## Task goal
Among these records, which lines include "mullion"? Copy them out.
*** Materials provided ***
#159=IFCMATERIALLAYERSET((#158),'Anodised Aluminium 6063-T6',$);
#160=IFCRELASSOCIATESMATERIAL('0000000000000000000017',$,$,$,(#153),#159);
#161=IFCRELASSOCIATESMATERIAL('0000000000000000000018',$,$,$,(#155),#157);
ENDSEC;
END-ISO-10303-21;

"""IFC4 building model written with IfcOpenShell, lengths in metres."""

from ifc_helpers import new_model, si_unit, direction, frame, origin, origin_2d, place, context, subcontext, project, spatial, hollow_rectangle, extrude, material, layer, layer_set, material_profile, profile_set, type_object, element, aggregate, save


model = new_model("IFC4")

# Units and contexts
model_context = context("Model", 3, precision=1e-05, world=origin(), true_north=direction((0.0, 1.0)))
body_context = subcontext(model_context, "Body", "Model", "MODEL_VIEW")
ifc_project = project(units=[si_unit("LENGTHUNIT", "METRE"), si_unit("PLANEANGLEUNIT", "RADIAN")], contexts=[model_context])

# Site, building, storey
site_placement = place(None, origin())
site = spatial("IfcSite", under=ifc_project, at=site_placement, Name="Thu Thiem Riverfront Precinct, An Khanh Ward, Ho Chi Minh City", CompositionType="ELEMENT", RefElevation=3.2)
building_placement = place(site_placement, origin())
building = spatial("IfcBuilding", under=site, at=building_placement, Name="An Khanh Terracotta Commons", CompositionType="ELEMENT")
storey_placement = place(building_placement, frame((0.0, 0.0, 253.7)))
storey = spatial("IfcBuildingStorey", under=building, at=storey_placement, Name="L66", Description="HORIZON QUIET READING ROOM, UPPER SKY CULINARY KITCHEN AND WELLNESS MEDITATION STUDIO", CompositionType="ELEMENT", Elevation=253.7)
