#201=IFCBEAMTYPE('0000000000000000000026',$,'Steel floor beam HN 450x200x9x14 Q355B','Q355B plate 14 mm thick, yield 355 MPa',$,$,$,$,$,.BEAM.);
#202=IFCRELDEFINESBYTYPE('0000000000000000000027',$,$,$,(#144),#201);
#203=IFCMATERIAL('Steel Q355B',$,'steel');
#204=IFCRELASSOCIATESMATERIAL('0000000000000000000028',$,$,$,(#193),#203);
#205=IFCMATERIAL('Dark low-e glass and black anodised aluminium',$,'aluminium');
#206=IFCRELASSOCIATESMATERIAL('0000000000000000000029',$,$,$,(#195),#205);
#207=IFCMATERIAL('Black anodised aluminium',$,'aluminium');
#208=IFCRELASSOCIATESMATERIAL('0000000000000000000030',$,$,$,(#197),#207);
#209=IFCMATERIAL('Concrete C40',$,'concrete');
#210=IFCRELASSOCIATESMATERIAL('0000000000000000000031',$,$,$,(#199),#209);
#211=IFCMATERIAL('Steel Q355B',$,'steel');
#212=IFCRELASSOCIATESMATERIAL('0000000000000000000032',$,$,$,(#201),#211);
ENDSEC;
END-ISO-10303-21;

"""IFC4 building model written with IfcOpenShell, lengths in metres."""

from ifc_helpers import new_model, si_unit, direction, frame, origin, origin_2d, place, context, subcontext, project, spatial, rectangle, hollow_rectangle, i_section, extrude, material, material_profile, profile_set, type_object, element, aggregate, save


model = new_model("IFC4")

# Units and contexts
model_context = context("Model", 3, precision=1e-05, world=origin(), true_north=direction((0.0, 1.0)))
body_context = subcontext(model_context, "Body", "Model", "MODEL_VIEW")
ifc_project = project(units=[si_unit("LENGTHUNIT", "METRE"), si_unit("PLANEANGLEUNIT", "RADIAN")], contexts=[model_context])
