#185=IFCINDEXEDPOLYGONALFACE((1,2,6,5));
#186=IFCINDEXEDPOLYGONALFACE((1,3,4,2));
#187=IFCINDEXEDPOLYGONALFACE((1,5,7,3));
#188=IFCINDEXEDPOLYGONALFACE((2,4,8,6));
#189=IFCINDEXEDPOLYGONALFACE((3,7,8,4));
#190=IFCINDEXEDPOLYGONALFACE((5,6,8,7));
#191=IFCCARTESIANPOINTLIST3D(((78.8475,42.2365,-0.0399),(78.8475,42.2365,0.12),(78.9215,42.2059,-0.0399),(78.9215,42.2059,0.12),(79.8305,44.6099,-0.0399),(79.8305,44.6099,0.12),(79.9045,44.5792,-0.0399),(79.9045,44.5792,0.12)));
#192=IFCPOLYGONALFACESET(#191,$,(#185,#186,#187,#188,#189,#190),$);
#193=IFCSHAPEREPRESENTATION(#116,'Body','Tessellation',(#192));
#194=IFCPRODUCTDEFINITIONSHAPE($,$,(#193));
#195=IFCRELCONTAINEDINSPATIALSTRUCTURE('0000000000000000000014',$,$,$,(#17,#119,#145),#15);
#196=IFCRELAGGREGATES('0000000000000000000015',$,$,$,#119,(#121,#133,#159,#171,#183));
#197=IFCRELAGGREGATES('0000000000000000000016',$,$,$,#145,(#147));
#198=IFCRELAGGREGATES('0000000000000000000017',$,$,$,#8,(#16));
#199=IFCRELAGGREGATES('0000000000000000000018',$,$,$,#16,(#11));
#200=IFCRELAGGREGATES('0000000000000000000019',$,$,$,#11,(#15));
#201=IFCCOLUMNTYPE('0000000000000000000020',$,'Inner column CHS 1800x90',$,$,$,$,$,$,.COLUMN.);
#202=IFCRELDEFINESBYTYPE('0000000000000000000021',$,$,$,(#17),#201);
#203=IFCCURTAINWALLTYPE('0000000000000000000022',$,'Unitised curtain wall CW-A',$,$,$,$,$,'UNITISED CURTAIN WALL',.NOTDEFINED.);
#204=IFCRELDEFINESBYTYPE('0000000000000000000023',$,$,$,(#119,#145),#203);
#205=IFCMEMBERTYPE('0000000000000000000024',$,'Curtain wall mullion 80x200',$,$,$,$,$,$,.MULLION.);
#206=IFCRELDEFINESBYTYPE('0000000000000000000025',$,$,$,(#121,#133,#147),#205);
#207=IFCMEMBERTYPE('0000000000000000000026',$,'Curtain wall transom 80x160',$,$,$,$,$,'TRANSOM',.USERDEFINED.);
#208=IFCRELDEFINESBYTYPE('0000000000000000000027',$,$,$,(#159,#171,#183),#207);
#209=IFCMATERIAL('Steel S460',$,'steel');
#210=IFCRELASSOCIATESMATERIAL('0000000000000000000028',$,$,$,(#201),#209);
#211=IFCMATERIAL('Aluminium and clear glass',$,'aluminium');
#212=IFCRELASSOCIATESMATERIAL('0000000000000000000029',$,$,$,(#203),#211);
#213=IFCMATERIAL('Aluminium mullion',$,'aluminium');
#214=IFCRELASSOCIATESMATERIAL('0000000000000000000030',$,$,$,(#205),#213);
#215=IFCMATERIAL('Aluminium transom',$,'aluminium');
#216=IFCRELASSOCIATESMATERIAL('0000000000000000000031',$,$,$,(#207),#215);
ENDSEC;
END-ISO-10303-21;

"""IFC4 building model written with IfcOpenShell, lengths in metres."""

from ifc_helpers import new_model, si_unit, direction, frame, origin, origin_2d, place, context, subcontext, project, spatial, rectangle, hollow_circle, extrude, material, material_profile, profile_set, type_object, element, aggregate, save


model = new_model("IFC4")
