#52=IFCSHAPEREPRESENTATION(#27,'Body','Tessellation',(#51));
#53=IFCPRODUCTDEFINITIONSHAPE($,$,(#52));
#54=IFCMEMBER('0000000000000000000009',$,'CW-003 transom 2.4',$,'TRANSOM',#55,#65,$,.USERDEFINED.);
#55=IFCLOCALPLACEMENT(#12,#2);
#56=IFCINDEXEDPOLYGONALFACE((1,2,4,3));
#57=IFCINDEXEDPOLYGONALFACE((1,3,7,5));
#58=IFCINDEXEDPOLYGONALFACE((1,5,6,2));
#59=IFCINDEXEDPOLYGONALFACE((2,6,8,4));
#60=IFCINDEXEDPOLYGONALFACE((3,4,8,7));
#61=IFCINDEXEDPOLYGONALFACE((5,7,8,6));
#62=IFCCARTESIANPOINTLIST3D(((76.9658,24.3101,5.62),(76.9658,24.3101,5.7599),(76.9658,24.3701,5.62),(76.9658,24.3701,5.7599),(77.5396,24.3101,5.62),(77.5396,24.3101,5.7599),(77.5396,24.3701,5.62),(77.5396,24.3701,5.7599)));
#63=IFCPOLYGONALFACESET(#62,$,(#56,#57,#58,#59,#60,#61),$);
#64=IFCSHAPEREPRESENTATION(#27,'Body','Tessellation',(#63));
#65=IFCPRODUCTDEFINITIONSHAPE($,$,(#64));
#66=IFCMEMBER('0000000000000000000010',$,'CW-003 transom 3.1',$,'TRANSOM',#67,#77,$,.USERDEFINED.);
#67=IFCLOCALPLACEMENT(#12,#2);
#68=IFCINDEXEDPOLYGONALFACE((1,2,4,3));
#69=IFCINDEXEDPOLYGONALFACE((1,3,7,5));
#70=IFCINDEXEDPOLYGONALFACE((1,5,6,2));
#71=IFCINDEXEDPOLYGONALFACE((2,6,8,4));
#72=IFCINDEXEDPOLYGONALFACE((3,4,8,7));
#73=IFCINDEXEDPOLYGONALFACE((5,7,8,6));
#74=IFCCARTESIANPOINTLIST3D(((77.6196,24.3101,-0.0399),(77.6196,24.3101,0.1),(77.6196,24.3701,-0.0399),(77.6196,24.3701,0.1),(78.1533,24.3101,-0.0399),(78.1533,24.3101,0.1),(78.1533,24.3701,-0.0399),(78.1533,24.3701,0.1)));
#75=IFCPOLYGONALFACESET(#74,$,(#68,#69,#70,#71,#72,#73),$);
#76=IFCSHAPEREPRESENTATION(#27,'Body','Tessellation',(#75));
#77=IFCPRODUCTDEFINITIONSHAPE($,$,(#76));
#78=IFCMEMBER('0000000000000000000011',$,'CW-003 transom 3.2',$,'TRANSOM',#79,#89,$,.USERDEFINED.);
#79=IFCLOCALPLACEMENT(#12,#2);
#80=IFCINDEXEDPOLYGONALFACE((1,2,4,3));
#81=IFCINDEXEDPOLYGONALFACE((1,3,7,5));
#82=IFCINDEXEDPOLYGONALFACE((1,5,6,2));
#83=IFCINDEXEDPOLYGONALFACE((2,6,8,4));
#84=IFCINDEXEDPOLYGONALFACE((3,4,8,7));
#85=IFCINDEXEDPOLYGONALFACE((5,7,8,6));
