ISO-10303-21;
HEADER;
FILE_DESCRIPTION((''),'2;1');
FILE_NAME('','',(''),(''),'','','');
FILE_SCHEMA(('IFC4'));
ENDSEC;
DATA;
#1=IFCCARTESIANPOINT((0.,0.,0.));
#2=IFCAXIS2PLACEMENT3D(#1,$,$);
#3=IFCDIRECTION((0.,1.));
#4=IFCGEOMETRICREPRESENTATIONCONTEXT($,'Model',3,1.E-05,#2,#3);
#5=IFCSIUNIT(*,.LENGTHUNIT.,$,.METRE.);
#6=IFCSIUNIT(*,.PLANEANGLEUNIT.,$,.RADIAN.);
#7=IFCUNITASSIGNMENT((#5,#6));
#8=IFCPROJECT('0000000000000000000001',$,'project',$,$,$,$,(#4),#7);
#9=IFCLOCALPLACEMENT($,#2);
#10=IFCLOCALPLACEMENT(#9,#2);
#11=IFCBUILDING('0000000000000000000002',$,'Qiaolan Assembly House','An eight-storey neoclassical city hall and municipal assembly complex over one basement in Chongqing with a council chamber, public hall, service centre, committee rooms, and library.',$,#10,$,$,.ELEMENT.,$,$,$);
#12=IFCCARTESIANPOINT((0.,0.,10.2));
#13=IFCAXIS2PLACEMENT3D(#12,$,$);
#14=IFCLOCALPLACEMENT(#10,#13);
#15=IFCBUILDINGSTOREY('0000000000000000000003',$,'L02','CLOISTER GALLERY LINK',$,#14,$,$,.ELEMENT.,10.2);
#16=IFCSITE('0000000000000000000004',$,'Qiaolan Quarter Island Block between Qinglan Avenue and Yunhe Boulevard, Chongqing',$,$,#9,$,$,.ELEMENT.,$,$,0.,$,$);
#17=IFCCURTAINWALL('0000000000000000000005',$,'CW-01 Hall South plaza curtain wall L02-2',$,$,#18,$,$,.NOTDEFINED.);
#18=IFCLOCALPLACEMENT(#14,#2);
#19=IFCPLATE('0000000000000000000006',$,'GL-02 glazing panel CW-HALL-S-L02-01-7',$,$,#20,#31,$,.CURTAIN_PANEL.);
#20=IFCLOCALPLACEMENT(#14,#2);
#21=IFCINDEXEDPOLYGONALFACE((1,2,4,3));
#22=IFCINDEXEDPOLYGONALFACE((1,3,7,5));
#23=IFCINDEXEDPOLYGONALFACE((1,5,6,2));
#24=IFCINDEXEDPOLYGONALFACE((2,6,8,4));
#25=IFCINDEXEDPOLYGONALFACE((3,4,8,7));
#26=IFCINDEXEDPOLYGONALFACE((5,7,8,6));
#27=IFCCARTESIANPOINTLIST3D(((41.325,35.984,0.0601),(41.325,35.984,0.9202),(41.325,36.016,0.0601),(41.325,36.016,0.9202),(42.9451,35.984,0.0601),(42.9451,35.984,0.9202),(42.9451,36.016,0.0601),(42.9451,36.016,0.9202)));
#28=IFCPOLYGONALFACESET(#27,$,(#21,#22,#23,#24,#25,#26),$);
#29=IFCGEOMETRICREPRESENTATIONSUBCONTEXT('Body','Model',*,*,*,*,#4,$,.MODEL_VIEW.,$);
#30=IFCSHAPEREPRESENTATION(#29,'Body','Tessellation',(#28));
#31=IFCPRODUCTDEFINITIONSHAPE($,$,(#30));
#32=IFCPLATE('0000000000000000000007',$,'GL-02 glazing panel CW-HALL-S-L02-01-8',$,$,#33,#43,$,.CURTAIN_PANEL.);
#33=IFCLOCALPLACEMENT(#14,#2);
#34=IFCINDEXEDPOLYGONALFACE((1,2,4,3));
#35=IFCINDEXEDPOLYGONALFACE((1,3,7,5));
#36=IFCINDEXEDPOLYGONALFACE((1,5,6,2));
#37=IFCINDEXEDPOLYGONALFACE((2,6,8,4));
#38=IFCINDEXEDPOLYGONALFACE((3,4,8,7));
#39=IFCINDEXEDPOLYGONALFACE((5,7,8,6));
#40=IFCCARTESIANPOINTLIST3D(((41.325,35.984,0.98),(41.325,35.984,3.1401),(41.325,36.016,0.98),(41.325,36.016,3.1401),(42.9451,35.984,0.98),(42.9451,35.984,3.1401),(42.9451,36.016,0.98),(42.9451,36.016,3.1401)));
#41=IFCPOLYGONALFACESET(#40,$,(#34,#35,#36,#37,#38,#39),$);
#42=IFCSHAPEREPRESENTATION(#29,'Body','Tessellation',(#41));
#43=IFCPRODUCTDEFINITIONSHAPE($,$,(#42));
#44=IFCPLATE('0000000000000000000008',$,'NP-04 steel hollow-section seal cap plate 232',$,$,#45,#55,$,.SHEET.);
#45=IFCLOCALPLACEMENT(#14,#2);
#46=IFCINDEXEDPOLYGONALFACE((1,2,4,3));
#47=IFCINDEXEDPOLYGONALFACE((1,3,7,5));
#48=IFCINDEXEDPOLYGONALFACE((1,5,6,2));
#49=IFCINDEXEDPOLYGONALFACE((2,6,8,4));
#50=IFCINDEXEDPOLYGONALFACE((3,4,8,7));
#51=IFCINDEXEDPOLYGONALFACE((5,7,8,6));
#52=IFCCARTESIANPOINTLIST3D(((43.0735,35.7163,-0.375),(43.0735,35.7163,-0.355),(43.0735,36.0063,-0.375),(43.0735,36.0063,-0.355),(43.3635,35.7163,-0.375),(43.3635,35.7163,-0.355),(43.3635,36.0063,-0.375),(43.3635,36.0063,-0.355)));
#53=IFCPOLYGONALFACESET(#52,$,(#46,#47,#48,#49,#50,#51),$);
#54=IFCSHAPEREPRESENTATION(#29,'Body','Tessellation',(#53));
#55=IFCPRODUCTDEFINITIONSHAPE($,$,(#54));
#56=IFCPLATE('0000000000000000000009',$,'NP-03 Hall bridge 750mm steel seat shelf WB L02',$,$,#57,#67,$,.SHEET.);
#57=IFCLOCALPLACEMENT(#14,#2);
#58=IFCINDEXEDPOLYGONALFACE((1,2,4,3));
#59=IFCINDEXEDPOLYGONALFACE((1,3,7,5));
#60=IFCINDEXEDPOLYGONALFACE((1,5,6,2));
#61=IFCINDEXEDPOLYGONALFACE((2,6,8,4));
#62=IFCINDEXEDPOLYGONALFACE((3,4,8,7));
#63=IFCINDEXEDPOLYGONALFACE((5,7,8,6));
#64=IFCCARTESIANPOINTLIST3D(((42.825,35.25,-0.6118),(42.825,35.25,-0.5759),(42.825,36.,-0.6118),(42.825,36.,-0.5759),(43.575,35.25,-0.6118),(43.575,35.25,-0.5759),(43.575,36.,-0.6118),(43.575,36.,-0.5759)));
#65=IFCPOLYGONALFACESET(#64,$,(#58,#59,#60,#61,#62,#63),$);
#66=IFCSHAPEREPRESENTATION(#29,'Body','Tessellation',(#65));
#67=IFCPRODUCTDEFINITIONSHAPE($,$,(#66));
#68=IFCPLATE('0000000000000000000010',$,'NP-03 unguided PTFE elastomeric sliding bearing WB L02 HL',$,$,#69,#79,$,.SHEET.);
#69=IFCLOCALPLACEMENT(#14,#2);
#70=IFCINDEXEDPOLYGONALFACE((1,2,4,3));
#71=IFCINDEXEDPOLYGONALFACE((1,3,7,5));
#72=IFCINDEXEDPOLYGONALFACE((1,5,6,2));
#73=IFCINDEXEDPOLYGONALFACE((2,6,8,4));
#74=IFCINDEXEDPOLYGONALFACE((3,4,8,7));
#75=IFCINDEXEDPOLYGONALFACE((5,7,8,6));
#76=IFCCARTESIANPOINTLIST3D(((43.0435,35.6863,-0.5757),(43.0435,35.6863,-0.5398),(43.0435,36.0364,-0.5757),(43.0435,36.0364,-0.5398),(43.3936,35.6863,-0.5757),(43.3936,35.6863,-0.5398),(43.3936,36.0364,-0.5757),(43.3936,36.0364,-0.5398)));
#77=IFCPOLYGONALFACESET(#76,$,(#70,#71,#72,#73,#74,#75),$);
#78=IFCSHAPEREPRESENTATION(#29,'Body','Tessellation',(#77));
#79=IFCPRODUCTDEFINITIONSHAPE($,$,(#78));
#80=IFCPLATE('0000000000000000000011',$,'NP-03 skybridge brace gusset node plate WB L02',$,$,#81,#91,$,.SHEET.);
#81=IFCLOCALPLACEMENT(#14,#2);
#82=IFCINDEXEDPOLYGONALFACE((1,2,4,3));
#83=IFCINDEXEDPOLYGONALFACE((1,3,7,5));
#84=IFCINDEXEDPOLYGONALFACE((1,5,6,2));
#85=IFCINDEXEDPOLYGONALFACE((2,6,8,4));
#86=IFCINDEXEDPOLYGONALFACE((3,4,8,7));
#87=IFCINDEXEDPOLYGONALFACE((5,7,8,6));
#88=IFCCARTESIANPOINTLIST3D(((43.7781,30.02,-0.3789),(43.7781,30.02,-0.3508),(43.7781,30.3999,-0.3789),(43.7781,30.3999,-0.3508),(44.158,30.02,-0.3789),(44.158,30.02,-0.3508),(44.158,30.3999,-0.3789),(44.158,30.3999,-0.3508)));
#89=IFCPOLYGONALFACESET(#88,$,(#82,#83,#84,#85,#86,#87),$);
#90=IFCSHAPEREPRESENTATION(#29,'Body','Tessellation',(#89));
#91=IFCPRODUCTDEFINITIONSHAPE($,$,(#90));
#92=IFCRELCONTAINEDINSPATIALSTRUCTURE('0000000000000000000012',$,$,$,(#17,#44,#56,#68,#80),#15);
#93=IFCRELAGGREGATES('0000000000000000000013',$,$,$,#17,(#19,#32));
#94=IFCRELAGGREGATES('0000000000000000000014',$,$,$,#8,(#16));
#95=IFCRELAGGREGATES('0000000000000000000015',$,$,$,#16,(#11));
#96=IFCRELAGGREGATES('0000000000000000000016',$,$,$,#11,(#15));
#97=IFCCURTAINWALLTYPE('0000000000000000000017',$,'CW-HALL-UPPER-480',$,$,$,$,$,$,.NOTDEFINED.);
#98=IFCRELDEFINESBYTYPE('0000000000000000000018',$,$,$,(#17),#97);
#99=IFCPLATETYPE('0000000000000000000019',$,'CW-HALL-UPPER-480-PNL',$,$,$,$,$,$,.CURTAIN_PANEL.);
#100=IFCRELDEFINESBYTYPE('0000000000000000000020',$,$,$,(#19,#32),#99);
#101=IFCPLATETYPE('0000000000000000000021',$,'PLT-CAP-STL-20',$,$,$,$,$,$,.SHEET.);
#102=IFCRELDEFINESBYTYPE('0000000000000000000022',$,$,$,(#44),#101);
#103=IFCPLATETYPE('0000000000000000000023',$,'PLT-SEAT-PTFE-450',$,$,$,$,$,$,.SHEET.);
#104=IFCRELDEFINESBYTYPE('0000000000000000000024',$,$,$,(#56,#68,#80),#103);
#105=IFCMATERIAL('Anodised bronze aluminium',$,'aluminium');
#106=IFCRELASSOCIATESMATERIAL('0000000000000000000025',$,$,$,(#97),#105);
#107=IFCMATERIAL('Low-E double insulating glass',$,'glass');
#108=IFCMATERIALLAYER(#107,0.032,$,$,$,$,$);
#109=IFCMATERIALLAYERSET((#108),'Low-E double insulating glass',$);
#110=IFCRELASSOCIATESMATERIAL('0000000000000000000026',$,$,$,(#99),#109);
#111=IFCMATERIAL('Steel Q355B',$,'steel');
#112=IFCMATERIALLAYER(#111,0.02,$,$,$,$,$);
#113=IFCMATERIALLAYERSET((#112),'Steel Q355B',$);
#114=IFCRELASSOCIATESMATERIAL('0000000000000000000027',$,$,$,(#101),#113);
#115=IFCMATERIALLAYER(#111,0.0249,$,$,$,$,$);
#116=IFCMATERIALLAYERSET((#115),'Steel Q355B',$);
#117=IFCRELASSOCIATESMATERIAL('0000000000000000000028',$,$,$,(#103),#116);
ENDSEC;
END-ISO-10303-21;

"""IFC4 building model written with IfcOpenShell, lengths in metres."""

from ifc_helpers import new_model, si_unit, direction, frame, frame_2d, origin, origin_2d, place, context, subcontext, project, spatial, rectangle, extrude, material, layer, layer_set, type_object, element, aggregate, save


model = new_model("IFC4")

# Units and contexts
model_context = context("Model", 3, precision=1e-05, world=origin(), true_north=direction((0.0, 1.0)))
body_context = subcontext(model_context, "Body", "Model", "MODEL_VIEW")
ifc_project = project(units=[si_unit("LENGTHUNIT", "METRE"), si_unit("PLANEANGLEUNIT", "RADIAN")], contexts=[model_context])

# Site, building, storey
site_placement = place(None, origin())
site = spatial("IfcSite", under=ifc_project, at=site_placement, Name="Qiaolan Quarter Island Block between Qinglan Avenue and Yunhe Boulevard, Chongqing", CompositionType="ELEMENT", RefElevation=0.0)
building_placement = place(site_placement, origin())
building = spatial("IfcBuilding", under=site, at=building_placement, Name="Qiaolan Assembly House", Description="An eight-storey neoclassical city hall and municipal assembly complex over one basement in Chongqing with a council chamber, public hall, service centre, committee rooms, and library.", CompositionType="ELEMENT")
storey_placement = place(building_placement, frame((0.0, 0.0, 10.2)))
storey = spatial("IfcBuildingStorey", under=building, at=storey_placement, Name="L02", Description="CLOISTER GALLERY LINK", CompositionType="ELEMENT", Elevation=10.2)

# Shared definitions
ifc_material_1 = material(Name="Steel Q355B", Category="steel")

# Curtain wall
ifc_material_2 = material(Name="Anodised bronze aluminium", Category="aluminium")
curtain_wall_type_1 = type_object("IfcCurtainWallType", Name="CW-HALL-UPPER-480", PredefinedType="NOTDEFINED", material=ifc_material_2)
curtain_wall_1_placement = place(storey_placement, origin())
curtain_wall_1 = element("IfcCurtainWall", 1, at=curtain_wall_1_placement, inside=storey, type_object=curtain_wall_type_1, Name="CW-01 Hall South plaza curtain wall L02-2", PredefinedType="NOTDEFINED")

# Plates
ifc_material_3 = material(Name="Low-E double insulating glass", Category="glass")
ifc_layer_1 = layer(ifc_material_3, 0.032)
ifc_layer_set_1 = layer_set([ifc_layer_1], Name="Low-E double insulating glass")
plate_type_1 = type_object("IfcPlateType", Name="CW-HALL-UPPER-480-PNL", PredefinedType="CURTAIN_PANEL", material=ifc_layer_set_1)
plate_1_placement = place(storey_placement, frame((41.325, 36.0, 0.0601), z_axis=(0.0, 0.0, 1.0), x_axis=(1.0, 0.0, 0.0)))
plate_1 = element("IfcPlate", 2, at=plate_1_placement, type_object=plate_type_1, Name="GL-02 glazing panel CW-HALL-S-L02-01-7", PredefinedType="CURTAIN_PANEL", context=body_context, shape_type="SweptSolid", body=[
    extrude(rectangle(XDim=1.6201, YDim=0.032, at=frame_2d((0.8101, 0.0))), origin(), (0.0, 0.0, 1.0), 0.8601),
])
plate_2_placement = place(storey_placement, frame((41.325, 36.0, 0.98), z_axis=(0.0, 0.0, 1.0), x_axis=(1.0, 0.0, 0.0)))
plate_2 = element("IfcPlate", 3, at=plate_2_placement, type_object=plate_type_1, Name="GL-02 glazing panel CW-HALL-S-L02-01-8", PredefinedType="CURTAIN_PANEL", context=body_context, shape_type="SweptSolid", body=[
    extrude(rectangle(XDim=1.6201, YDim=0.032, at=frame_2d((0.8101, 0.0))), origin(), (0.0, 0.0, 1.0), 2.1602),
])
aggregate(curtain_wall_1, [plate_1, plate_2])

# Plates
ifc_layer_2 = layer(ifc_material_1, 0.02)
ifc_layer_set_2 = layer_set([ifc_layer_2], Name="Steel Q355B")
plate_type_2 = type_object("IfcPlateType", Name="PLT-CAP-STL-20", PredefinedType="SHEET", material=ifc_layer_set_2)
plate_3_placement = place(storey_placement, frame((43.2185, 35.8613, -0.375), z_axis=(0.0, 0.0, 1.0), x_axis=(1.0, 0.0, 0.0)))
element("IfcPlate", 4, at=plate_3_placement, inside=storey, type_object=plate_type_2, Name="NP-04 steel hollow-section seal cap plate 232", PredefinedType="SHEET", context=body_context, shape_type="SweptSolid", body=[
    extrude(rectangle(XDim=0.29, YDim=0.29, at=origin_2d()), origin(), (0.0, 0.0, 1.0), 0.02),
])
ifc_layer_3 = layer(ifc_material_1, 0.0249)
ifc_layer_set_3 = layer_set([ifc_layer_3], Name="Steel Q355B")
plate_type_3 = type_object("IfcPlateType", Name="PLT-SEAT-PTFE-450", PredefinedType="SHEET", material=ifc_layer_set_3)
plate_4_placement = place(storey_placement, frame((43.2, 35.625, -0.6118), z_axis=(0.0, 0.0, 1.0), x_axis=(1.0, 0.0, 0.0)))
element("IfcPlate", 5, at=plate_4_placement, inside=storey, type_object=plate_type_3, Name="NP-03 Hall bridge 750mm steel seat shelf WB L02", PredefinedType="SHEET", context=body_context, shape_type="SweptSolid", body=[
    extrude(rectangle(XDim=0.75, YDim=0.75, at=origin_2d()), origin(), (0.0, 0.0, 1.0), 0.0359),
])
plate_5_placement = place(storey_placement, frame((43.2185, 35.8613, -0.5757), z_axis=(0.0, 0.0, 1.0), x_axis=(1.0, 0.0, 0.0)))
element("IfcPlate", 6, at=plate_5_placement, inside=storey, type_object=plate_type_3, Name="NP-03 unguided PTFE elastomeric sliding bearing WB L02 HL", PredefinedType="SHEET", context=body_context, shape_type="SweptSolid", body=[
*** End of Materials provided ***
## Exercise solution
#205=IFCMEMBERTYPE('0000000000000000000024',$,'Curtain wall mullion 80x200',$,$,$,$,$,$,.MULLION.);
#213=IFCMATERIAL('Aluminium mullion',$,'aluminium');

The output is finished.